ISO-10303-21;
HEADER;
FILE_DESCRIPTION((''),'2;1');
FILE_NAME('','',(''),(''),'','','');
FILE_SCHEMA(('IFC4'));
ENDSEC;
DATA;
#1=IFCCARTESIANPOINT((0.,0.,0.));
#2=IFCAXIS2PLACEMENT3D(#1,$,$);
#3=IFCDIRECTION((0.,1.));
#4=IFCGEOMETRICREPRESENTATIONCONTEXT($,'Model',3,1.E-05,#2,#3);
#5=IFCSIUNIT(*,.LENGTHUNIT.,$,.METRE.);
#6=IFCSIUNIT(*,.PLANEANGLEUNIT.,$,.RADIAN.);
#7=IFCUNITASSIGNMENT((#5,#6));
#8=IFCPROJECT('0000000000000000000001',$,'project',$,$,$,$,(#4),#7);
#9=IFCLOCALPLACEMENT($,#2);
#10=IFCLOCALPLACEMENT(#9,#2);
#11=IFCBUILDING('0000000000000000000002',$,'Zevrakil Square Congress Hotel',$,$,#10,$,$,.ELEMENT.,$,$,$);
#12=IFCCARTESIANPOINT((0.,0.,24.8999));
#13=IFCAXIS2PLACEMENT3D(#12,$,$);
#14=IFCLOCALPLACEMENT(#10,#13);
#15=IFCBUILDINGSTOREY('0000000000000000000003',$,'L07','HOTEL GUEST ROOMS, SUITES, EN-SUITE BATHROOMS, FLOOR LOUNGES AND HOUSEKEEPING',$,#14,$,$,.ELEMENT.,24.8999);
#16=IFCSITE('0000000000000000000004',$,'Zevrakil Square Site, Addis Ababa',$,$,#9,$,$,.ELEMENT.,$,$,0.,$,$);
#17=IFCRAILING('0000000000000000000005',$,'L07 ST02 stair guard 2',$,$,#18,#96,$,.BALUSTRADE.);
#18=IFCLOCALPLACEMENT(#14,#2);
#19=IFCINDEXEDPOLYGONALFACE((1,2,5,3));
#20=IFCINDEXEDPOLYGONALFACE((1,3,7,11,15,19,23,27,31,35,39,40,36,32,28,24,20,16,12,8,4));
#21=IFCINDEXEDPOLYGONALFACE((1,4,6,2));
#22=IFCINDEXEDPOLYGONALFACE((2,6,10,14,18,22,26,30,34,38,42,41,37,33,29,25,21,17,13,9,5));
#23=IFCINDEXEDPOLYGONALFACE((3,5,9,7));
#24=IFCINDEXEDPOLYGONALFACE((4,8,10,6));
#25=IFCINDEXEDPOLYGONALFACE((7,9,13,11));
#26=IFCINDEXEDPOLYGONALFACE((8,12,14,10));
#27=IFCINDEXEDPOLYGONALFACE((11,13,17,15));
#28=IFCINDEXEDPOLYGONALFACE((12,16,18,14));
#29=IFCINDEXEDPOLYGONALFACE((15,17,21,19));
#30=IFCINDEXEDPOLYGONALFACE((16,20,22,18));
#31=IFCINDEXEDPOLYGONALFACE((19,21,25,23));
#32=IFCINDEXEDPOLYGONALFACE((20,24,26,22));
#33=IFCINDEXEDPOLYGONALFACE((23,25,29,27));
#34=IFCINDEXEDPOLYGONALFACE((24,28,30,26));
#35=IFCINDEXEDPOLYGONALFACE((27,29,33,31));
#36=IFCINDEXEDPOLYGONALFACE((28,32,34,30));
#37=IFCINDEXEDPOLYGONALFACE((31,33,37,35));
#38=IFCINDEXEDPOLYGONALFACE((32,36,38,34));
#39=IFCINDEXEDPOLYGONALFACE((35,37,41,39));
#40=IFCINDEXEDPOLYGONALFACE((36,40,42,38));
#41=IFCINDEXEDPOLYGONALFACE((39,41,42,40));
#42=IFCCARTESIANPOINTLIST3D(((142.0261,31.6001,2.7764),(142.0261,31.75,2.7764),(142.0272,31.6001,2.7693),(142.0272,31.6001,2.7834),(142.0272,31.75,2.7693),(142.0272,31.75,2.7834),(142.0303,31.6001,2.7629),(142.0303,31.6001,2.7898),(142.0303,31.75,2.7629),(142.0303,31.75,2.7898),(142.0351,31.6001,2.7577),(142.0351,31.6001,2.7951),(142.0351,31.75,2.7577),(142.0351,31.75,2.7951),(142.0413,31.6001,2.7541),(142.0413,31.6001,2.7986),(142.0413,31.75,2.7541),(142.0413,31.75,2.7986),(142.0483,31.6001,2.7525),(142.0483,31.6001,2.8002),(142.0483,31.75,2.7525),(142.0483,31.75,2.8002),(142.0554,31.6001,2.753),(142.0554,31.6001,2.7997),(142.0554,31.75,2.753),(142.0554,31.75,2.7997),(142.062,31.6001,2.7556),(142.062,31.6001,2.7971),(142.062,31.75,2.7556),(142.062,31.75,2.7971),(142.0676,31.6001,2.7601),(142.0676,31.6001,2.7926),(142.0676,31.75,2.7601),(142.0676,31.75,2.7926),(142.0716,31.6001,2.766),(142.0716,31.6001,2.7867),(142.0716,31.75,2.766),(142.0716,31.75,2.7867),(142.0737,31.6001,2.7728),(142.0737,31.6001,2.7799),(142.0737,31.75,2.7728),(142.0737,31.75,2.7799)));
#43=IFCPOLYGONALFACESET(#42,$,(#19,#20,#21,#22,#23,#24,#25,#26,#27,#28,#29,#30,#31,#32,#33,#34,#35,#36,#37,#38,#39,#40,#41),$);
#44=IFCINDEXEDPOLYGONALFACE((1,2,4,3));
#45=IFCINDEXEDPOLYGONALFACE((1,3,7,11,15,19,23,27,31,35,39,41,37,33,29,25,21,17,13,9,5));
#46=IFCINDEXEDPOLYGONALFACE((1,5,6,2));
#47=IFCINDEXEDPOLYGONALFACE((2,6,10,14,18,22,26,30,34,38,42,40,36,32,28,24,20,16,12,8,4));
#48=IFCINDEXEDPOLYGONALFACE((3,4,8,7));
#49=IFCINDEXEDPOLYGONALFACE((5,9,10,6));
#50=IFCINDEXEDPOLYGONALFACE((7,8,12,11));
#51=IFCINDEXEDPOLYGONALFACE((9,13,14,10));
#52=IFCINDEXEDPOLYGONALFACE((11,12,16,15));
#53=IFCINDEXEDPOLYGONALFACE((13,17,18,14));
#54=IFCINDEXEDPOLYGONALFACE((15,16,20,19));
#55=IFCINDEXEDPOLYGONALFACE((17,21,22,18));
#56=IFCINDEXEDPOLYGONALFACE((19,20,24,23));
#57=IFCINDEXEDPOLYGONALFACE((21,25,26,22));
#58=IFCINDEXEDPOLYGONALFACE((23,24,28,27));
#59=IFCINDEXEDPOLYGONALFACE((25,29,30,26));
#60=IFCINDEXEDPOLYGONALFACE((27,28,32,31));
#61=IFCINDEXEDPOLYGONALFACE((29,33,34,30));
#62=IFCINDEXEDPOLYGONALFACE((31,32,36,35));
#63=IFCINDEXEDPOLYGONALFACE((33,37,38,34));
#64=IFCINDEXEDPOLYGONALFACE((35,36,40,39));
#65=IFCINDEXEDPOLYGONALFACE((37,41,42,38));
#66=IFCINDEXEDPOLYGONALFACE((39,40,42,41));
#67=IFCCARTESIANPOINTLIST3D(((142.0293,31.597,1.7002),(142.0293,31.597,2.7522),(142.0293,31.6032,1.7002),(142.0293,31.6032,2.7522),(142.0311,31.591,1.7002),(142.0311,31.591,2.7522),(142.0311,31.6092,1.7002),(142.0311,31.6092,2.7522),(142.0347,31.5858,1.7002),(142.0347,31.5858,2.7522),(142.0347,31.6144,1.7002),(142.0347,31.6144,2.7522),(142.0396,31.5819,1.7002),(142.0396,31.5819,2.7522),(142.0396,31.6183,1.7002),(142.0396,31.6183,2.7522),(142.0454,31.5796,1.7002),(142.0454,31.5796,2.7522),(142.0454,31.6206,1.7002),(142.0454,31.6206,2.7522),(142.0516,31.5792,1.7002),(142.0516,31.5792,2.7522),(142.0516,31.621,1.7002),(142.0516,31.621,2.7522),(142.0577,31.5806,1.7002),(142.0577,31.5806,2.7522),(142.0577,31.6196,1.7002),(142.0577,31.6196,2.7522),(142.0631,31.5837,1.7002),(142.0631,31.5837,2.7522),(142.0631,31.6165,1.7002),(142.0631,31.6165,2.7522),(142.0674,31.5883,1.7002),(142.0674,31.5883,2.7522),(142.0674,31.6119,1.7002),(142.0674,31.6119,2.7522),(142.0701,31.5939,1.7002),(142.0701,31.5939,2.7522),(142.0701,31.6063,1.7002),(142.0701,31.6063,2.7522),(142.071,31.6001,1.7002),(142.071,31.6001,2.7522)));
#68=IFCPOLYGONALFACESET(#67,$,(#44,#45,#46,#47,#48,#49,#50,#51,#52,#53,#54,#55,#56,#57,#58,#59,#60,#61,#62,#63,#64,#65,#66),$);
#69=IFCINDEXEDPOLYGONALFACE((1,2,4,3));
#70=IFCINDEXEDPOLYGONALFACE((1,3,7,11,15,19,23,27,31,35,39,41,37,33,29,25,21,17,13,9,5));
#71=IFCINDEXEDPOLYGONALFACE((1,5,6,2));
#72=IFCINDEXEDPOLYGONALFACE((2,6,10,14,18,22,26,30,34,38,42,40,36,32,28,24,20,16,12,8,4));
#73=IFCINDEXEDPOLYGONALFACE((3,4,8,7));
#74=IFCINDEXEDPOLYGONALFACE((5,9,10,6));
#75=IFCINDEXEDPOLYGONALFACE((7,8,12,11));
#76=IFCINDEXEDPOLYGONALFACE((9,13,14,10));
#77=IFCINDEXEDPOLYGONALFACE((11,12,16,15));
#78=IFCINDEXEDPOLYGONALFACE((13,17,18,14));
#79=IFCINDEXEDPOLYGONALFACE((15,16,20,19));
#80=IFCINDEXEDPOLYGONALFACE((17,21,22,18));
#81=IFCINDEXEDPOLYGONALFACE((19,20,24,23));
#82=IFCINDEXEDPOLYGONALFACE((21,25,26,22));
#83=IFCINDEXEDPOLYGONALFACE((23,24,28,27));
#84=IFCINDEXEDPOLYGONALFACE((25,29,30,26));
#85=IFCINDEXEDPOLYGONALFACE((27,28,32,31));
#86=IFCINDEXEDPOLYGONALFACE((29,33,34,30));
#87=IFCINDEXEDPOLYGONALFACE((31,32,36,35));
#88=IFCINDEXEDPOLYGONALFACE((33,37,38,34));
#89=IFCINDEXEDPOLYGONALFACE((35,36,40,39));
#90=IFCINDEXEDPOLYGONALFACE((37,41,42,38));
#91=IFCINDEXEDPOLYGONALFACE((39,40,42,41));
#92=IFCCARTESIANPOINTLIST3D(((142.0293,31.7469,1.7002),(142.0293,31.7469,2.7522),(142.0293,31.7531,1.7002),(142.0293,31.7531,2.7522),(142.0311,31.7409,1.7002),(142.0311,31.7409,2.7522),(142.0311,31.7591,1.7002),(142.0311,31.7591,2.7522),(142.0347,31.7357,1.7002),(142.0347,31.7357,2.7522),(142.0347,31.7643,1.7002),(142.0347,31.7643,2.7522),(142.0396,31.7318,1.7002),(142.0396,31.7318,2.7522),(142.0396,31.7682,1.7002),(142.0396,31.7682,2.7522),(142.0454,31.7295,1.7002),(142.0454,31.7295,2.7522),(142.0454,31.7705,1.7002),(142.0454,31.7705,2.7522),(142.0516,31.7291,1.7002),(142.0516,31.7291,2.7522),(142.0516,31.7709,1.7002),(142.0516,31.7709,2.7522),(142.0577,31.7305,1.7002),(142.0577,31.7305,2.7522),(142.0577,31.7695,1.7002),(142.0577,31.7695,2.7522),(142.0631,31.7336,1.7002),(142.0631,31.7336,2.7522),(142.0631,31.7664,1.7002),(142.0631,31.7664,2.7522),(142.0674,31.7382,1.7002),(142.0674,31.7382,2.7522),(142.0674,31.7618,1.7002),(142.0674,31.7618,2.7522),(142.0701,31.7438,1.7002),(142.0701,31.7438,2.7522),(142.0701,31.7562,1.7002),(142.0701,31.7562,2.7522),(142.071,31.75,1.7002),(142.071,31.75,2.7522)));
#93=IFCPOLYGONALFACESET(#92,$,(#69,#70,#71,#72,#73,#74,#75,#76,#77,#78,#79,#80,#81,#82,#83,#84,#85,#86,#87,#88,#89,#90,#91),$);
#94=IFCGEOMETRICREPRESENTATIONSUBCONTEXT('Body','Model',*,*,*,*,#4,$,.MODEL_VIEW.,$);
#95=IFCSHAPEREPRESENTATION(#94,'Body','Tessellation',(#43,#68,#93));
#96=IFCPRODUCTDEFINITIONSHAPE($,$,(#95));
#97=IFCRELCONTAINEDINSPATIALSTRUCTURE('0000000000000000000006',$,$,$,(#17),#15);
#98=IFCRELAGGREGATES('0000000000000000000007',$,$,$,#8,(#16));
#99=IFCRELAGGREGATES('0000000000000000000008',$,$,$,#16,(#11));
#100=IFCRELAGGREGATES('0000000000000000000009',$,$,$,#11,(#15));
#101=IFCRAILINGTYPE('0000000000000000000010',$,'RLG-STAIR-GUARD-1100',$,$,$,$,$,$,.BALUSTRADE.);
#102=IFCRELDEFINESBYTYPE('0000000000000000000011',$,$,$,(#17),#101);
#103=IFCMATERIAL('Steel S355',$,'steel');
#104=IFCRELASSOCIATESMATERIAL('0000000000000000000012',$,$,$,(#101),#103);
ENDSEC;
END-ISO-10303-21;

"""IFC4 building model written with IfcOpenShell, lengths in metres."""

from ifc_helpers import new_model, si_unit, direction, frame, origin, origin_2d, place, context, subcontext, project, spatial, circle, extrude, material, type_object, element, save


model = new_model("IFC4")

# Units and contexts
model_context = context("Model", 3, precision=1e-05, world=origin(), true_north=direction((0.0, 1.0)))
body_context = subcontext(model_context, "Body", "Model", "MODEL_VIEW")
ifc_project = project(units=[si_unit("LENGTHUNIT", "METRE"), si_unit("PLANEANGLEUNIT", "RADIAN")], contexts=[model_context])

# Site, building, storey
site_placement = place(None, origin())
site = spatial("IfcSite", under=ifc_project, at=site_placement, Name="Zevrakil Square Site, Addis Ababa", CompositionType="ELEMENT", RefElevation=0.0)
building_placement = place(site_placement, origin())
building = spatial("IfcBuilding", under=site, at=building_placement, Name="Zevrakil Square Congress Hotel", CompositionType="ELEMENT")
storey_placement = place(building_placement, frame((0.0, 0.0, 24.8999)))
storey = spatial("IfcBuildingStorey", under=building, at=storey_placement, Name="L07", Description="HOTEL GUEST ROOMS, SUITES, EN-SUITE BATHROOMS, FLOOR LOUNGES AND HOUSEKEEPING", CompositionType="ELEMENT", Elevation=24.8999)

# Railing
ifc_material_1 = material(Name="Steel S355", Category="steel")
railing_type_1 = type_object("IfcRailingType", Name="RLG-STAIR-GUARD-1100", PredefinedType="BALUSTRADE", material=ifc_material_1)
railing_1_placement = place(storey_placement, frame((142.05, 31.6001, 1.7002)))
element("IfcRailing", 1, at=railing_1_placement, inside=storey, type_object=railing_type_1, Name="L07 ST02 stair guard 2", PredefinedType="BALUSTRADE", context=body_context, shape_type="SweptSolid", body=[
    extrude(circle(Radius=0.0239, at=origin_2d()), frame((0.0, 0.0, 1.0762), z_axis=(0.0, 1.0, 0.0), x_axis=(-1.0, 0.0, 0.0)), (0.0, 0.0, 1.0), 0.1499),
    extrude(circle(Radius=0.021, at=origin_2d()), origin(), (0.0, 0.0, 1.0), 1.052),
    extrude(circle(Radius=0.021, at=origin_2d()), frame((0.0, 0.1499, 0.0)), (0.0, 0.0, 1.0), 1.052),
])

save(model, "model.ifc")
**********
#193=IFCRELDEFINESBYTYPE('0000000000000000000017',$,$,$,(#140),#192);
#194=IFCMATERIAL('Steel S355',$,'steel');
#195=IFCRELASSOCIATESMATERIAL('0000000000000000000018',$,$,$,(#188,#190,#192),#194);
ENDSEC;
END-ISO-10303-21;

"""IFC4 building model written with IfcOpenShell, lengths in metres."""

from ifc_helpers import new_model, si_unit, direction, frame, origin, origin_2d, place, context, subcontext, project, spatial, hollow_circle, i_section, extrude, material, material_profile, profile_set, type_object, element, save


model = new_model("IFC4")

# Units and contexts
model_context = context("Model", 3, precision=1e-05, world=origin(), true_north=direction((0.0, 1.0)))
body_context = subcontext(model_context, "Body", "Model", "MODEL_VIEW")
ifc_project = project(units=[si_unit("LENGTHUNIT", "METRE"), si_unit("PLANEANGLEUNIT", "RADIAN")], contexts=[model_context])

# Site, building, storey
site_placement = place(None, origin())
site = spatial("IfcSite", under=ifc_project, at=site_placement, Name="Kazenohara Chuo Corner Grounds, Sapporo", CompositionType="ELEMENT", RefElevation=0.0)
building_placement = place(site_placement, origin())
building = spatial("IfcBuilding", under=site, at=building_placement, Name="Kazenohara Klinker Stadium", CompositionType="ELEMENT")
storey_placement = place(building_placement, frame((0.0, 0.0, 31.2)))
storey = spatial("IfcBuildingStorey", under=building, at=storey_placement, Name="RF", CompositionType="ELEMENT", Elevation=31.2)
**********
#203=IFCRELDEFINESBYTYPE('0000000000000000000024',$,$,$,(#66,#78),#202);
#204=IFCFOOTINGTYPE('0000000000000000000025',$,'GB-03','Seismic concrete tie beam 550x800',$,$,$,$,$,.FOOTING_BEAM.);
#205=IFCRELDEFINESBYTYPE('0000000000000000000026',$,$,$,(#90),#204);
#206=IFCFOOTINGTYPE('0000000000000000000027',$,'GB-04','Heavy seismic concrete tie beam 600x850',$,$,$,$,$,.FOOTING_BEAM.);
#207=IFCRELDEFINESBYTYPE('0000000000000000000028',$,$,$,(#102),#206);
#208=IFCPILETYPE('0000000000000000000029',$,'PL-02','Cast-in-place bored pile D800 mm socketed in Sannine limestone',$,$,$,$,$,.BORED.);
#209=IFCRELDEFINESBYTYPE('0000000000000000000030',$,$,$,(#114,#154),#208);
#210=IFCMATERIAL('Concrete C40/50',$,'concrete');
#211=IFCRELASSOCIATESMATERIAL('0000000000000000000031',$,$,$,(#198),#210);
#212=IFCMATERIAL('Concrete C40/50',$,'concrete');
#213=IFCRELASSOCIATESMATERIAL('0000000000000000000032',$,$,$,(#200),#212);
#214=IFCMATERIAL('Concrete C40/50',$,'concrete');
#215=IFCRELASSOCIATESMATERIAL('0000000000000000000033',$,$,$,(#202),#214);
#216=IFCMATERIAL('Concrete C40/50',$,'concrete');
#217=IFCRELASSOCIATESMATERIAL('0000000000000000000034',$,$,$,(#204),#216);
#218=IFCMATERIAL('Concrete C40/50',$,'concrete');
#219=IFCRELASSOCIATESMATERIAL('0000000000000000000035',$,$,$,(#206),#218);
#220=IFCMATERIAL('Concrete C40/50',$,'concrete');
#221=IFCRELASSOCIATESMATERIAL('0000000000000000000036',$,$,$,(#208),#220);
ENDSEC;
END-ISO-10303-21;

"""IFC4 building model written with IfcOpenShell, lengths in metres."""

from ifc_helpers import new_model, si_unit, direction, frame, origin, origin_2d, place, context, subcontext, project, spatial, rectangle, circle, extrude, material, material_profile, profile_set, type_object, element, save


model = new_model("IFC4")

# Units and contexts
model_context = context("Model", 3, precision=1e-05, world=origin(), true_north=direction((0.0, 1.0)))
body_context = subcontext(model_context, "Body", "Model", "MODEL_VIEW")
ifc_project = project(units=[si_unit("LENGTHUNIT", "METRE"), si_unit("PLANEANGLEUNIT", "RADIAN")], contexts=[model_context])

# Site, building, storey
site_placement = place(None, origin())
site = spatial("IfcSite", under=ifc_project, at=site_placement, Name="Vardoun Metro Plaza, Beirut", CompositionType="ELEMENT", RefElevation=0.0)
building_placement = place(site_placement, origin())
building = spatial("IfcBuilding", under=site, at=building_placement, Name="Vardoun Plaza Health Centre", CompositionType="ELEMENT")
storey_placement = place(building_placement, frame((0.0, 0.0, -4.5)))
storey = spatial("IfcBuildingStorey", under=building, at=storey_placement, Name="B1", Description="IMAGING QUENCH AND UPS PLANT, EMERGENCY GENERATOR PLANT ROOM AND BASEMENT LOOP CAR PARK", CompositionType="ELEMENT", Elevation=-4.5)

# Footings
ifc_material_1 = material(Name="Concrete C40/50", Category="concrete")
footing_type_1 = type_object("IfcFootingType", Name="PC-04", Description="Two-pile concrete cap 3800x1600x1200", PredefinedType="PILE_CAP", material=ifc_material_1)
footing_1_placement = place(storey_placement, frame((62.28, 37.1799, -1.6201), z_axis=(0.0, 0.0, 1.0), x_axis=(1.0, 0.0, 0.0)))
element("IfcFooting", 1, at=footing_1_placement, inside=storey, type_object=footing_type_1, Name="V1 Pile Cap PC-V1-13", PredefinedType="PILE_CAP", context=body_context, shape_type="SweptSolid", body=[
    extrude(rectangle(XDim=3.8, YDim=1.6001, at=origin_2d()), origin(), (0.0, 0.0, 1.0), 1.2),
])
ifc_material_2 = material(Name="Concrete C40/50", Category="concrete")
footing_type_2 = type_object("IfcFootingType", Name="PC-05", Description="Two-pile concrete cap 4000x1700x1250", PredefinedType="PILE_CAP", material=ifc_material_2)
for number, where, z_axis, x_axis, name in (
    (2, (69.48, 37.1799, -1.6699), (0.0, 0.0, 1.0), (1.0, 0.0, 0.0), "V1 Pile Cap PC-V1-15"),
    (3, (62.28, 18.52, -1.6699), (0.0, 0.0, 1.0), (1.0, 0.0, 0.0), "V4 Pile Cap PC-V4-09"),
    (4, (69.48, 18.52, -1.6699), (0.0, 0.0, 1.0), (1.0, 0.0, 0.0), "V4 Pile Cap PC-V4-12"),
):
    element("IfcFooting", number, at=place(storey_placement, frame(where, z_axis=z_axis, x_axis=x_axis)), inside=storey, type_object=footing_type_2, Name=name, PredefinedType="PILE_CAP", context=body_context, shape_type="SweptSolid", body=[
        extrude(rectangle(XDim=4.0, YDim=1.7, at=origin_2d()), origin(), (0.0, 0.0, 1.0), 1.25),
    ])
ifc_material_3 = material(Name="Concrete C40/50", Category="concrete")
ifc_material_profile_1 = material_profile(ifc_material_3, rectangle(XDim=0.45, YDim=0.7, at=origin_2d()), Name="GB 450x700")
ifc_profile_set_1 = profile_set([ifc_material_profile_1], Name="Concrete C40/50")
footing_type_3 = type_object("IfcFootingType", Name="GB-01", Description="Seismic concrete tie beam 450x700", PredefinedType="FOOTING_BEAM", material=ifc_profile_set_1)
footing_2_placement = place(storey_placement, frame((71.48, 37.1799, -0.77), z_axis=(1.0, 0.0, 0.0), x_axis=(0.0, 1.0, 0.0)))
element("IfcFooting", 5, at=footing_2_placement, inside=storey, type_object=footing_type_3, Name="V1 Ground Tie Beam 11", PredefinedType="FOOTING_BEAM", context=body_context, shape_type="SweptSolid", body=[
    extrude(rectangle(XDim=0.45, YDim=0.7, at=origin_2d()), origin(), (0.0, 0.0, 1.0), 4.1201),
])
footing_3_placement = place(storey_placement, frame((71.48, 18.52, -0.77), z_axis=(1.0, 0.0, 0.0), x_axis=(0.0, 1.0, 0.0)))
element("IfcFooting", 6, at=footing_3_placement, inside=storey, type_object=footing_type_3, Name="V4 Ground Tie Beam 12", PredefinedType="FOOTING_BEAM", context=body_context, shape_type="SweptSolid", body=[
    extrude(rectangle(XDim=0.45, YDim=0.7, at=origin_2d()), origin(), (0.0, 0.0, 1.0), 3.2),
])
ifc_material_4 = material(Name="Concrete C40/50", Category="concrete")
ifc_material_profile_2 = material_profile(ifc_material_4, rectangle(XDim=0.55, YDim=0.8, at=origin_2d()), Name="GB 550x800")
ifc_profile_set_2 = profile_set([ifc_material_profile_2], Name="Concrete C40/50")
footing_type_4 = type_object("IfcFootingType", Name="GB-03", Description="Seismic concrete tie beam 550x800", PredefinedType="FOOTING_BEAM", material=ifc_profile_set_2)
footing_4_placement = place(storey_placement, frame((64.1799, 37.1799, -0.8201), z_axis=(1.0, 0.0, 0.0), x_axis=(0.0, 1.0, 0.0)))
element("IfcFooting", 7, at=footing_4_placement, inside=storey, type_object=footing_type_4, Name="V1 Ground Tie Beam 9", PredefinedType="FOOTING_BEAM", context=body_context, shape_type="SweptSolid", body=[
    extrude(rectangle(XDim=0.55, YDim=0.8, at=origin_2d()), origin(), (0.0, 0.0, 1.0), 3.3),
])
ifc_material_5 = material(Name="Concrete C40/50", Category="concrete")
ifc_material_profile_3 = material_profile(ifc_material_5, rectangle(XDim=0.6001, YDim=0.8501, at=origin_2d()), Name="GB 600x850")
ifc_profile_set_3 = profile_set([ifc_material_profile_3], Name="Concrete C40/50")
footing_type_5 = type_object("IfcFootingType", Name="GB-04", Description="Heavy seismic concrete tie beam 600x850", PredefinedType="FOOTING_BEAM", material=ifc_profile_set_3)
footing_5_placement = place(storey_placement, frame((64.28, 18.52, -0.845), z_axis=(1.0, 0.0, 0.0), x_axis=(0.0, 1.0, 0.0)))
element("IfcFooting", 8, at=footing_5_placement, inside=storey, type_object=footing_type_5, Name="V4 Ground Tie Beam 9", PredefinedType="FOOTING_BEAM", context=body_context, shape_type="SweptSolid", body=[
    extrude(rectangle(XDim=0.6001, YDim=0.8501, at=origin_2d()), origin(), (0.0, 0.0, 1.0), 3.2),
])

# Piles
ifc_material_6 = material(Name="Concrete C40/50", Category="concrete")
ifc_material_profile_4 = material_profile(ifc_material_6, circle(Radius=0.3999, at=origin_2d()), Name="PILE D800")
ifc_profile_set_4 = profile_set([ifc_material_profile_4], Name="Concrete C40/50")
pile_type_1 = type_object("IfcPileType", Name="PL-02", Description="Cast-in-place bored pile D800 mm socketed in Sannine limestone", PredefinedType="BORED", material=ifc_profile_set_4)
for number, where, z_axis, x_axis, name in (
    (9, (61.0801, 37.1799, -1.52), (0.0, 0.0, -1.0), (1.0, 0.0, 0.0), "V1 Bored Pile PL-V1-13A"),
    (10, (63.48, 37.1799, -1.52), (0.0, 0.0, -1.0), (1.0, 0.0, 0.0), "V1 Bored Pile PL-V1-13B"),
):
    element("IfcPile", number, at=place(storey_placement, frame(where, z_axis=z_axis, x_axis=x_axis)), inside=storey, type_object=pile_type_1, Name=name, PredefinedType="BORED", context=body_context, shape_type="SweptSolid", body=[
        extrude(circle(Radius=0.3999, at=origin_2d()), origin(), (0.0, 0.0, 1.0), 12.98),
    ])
**********
**YOUR GOAL:**
Your answer should consist of the lines from the material that contain "IFCMATERIAL".

**TASK RESPONSE:**
#103=IFCMATERIAL('Steel S355',$,'steel');
#194=IFCMATERIAL('Steel S355',$,'steel');
#210=IFCMATERIAL('Concrete C40/50',$,'concrete');
#212=IFCMATERIAL('Concrete C40/50',$,'concrete');
#214=IFCMATERIAL('Concrete C40/50',$,'concrete');
#216=IFCMATERIAL('Concrete C40/50',$,'concrete');
#218=IFCMATERIAL('Concrete C40/50',$,'concrete');
#220=IFCMATERIAL('Concrete C40/50',$,'concrete');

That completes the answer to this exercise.